▶ _How to complete this task_
Every line containing the string "USERDEFINED" is to be copied from the records.

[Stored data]
────
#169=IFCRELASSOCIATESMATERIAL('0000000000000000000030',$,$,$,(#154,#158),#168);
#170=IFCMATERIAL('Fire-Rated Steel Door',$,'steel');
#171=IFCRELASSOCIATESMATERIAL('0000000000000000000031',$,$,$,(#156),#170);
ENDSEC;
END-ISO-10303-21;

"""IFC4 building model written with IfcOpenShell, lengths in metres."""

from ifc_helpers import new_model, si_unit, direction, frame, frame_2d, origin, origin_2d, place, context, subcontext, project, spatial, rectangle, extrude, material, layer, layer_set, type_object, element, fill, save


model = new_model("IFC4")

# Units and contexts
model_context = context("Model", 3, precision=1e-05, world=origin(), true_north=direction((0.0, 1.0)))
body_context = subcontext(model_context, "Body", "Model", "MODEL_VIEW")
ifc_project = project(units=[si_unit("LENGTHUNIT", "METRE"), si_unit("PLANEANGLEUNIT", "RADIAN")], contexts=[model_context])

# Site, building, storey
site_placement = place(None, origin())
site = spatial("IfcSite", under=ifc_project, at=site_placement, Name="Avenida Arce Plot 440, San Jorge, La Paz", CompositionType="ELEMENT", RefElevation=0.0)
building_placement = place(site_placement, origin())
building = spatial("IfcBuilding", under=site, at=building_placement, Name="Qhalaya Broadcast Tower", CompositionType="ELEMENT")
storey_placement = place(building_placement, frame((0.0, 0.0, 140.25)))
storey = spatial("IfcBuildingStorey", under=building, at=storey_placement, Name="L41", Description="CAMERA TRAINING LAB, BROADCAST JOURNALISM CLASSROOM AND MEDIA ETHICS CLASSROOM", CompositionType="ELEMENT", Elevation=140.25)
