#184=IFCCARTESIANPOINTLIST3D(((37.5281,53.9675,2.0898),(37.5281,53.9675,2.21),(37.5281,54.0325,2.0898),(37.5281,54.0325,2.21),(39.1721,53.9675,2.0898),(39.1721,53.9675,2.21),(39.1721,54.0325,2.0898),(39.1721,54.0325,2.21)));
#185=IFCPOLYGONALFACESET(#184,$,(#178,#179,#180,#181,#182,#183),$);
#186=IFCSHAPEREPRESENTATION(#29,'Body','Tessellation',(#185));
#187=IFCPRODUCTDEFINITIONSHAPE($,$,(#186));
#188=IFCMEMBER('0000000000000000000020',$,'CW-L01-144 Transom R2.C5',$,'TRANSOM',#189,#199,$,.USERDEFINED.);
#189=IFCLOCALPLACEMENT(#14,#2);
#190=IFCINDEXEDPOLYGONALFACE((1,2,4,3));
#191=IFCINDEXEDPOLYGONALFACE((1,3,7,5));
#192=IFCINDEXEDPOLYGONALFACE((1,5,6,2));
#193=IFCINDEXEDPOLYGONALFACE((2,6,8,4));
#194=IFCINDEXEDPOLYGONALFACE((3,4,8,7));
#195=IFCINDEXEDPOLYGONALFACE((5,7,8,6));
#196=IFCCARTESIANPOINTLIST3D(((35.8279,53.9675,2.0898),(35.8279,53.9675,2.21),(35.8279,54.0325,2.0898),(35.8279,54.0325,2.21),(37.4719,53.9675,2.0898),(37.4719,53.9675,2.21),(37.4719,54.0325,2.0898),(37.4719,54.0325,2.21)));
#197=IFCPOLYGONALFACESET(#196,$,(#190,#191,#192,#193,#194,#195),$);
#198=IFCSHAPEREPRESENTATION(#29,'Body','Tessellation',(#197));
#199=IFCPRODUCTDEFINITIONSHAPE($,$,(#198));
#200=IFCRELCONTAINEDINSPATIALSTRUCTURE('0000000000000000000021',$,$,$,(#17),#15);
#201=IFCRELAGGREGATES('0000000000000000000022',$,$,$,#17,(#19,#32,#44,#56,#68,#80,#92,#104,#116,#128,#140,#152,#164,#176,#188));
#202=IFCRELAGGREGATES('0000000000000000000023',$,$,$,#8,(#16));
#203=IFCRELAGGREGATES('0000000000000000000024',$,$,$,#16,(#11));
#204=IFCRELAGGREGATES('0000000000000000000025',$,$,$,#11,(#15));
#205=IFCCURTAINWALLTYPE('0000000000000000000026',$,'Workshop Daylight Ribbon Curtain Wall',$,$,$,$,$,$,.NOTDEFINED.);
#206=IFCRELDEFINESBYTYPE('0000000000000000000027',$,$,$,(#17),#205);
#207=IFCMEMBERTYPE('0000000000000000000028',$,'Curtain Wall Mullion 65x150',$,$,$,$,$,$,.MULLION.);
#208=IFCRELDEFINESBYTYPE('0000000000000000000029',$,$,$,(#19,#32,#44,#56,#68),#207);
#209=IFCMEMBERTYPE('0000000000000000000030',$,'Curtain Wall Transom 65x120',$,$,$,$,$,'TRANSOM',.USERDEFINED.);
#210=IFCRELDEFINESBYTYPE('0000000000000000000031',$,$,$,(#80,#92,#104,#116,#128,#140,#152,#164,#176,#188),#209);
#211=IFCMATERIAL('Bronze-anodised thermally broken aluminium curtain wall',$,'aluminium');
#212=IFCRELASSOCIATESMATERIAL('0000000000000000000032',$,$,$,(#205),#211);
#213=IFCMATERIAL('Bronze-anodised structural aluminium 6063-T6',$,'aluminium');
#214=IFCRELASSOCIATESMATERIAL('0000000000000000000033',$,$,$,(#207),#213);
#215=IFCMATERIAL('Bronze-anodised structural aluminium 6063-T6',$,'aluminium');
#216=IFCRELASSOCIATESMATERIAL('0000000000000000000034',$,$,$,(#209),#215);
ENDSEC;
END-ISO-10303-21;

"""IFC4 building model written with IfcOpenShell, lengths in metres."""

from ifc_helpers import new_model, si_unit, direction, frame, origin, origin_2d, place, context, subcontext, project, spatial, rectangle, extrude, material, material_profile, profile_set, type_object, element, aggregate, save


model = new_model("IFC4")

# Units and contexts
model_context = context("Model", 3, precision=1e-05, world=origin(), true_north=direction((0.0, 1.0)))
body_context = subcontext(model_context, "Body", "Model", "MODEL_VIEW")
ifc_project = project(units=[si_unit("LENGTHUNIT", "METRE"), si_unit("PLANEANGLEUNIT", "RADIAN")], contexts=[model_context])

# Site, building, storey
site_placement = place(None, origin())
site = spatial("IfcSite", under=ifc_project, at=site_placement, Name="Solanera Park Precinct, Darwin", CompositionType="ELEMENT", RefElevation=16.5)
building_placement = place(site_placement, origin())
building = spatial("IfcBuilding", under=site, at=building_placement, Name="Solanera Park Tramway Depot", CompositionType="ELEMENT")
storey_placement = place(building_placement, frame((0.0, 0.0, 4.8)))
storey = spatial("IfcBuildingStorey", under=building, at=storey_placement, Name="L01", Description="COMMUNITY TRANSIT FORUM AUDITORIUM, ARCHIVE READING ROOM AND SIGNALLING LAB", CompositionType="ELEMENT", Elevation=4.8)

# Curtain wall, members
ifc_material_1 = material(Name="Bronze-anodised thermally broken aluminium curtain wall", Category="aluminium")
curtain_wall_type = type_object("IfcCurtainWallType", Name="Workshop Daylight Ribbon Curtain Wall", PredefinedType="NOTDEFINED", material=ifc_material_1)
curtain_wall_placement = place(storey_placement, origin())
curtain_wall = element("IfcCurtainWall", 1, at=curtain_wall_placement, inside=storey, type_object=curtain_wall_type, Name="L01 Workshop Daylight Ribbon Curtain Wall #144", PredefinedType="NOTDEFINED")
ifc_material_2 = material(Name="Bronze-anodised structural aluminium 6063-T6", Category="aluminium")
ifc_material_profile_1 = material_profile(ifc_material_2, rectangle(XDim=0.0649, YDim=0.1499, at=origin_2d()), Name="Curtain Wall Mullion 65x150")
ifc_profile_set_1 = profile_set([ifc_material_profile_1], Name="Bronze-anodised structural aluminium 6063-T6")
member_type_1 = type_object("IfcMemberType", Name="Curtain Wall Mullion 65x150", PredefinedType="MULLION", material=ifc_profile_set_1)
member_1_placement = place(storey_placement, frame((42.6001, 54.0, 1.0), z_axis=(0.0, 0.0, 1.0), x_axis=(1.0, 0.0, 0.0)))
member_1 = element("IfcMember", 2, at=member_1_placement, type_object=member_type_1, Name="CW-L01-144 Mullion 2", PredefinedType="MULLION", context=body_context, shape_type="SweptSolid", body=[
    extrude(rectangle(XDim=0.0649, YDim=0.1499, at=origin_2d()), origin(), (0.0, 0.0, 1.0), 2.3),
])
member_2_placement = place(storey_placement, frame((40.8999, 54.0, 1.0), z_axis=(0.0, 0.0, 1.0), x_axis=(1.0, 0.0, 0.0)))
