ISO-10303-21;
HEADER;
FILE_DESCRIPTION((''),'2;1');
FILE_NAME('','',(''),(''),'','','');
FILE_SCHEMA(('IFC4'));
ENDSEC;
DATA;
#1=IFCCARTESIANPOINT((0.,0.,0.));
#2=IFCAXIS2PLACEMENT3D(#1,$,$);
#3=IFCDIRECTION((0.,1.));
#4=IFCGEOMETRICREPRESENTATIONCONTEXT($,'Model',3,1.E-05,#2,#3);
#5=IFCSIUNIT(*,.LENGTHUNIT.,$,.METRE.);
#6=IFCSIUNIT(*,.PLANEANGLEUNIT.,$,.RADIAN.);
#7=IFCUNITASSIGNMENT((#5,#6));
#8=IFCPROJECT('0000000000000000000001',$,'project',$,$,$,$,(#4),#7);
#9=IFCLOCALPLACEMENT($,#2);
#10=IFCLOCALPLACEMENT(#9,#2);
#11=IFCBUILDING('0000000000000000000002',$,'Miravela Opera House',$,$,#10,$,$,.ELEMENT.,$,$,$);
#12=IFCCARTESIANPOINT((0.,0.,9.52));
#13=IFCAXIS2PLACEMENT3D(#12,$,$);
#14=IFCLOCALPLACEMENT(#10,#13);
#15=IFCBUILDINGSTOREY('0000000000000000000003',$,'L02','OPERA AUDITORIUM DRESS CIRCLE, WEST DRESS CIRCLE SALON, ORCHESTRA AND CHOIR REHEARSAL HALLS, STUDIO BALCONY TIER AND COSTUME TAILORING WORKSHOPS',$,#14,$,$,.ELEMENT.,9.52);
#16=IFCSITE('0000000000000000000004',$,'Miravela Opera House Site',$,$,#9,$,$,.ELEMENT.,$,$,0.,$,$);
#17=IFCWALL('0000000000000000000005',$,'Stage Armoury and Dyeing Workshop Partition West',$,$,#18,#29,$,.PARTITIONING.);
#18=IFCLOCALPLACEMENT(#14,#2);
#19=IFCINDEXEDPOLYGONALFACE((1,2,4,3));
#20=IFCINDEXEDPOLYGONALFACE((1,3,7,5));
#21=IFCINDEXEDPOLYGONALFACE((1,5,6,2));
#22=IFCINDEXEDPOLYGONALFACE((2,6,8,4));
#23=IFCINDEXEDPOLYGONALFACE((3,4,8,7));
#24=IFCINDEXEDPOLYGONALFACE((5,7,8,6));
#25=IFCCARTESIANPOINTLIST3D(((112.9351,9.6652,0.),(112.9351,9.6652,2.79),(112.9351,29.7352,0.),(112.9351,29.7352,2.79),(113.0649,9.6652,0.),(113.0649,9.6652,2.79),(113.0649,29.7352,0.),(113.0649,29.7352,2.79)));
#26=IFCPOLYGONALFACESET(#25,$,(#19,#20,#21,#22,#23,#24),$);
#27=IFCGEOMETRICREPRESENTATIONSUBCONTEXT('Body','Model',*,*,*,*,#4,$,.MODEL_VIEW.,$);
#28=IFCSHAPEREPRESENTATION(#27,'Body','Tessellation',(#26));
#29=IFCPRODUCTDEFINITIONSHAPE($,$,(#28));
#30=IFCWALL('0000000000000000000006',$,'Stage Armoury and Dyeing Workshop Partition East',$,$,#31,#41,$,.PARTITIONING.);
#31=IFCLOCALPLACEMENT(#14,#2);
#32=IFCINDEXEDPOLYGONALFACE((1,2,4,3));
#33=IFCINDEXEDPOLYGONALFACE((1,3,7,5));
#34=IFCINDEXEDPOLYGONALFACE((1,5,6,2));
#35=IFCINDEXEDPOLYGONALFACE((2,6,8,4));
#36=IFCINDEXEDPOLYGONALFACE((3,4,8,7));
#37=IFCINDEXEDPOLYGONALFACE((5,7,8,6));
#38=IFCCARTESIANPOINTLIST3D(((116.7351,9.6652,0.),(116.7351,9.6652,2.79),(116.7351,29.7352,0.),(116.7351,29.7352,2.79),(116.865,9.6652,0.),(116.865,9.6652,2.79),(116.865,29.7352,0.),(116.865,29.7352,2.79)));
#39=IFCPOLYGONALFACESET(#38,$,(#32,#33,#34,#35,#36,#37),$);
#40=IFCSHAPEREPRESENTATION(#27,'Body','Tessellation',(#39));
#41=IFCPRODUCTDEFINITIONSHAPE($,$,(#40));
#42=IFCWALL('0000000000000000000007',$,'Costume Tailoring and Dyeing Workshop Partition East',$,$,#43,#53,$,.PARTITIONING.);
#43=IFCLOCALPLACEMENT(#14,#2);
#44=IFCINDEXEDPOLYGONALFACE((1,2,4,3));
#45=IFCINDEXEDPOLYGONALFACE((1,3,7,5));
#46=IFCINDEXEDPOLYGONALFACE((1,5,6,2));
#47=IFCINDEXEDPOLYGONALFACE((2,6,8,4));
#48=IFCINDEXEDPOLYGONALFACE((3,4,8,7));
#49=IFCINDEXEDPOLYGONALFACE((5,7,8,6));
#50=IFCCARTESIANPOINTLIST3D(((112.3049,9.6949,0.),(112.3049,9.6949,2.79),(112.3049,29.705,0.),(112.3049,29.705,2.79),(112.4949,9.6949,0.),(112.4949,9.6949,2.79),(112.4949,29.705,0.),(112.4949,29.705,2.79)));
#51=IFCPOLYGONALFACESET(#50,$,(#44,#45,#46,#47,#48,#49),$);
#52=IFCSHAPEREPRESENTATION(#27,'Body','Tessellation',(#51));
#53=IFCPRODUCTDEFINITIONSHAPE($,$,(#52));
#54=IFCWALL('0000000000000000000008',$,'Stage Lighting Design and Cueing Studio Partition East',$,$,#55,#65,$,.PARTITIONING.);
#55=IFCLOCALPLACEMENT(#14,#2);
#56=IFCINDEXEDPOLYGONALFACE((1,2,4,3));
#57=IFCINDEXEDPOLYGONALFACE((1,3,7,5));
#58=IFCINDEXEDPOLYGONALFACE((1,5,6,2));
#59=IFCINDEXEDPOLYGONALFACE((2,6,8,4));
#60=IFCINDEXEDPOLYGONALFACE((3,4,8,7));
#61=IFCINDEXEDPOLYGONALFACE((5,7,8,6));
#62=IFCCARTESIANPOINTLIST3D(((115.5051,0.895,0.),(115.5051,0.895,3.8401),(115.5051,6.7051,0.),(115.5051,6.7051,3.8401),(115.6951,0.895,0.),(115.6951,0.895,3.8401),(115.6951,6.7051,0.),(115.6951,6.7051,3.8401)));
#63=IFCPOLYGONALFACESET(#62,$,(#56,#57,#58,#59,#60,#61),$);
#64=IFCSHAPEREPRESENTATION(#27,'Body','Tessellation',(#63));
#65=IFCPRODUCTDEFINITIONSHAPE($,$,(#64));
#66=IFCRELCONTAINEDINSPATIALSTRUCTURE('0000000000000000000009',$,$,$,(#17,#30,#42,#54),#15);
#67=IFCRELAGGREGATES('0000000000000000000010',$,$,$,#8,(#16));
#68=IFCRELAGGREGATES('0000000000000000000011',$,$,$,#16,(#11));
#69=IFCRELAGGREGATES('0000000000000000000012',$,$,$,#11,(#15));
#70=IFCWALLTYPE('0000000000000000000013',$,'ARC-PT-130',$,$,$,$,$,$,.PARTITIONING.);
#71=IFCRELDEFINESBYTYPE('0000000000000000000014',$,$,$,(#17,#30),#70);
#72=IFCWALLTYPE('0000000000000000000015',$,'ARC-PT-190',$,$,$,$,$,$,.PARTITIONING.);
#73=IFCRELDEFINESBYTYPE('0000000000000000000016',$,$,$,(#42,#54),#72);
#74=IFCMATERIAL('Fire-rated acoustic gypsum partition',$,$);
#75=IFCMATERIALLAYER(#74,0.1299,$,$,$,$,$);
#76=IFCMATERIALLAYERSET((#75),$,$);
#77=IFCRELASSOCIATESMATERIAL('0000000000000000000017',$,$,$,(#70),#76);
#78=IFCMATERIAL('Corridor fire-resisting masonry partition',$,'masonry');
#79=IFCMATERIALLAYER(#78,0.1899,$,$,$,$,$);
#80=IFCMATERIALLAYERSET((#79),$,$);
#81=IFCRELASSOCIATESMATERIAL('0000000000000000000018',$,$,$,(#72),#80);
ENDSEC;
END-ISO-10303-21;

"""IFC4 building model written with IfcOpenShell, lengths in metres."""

from ifc_helpers import new_model, si_unit, direction, frame, frame_2d, origin, place, context, subcontext, project, spatial, rectangle, extrude, material, layer, layer_set, type_object, element, save


model = new_model("IFC4")

# Units and contexts
model_context = context("Model", 3, precision=1e-05, world=origin(), true_north=direction((0.0, 1.0)))
body_context = subcontext(model_context, "Body", "Model", "MODEL_VIEW")
ifc_project = project(units=[si_unit("LENGTHUNIT", "METRE"), si_unit("PLANEANGLEUNIT", "RADIAN")], contexts=[model_context])

# Site, building, storey
site_placement = place(None, origin())
site = spatial("IfcSite", under=ifc_project, at=site_placement, Name="Miravela Opera House Site", CompositionType="ELEMENT", RefElevation=0.0)
building_placement = place(site_placement, origin())
building = spatial("IfcBuilding", under=site, at=building_placement, Name="Miravela Opera House", CompositionType="ELEMENT")
storey_placement = place(building_placement, frame((0.0, 0.0, 9.52)))
storey = spatial("IfcBuildingStorey", under=building, at=storey_placement, Name="L02", Description="OPERA AUDITORIUM DRESS CIRCLE, WEST DRESS CIRCLE SALON, ORCHESTRA AND CHOIR REHEARSAL HALLS, STUDIO BALCONY TIER AND COSTUME TAILORING WORKSHOPS", CompositionType="ELEMENT", Elevation=9.52)

# Walls
ifc_material_1 = material(Name="Fire-rated acoustic gypsum partition")
ifc_layer_1 = layer(ifc_material_1, 0.1299)
ifc_layer_set_1 = layer_set([ifc_layer_1])
wall_type_1 = type_object("IfcWallType", Name="ARC-PT-130", PredefinedType="PARTITIONING", material=ifc_layer_set_1)
for number, where, z_axis, x_axis, name in (
    (1, (113.0, 9.665, 0.0), (0.0, 0.0, 1.0), (0.0, 1.0, 0.0), "Stage Armoury and Dyeing Workshop Partition West"),
    (2, (116.8, 9.665, 0.0), (0.0, 0.0, 1.0), (0.0, 1.0, 0.0), "Stage Armoury and Dyeing Workshop Partition East"),
):
    element("IfcWall", number, at=place(storey_placement, frame(where, z_axis=z_axis, x_axis=x_axis)), inside=storey, type_object=wall_type_1, Name=name, PredefinedType="PARTITIONING", context=body_context, shape_type="SweptSolid", body=[
        extrude(rectangle(XDim=20.0701, YDim=0.1299, at=frame_2d((10.0352, 0.0))), origin(), (0.0, 0.0, 1.0), 2.79),
    ])
ifc_material_2 = material(Name="Corridor fire-resisting masonry partition", Category="masonry")
ifc_layer_2 = layer(ifc_material_2, 0.1899)
ifc_layer_set_2 = layer_set([ifc_layer_2])
wall_type_2 = type_object("IfcWallType", Name="ARC-PT-190", PredefinedType="PARTITIONING", material=ifc_layer_set_2)
wall_1_placement = place(storey_placement, frame((112.3999, 9.6951, 0.0), z_axis=(0.0, 0.0, 1.0), x_axis=(0.0, 1.0, 0.0)))
element("IfcWall", 3, at=wall_1_placement, inside=storey, type_object=wall_type_2, Name="Costume Tailoring and Dyeing Workshop Partition East", PredefinedType="PARTITIONING", context=body_context, shape_type="SweptSolid", body=[
    extrude(rectangle(XDim=20.01, YDim=0.1899, at=frame_2d((10.0049, 0.0))), origin(), (0.0, 0.0, 1.0), 2.79),
])
wall_2_placement = place(storey_placement, frame((115.6001, 0.895, 0.0), z_axis=(0.0, 0.0, 1.0), x_axis=(0.0, 1.0, 0.0)))
element("IfcWall", 4, at=wall_2_placement, inside=storey, type_object=wall_type_2, Name="Stage Lighting Design and Cueing Studio Partition East", PredefinedType="PARTITIONING", context=body_context, shape_type="SweptSolid", body=[
    extrude(rectangle(XDim=5.8101, YDim=0.1899, at=frame_2d((2.905, 0.0))), origin(), (0.0, 0.0, 1.0), 3.8401),
])

save(model, "model.ifc")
────
▶ _Response for this exercise_
#188=IFCMEMBER('0000000000000000000020',$,'CW-L01-144 Transom R2.C5',$,'TRANSOM',#189,#199,$,.USERDEFINED.);
#209=IFCMEMBERTYPE('0000000000000000000030',$,'Curtain Wall Transom 65x120',$,$,$,$,$,'TRANSOM',.USERDEFINED.);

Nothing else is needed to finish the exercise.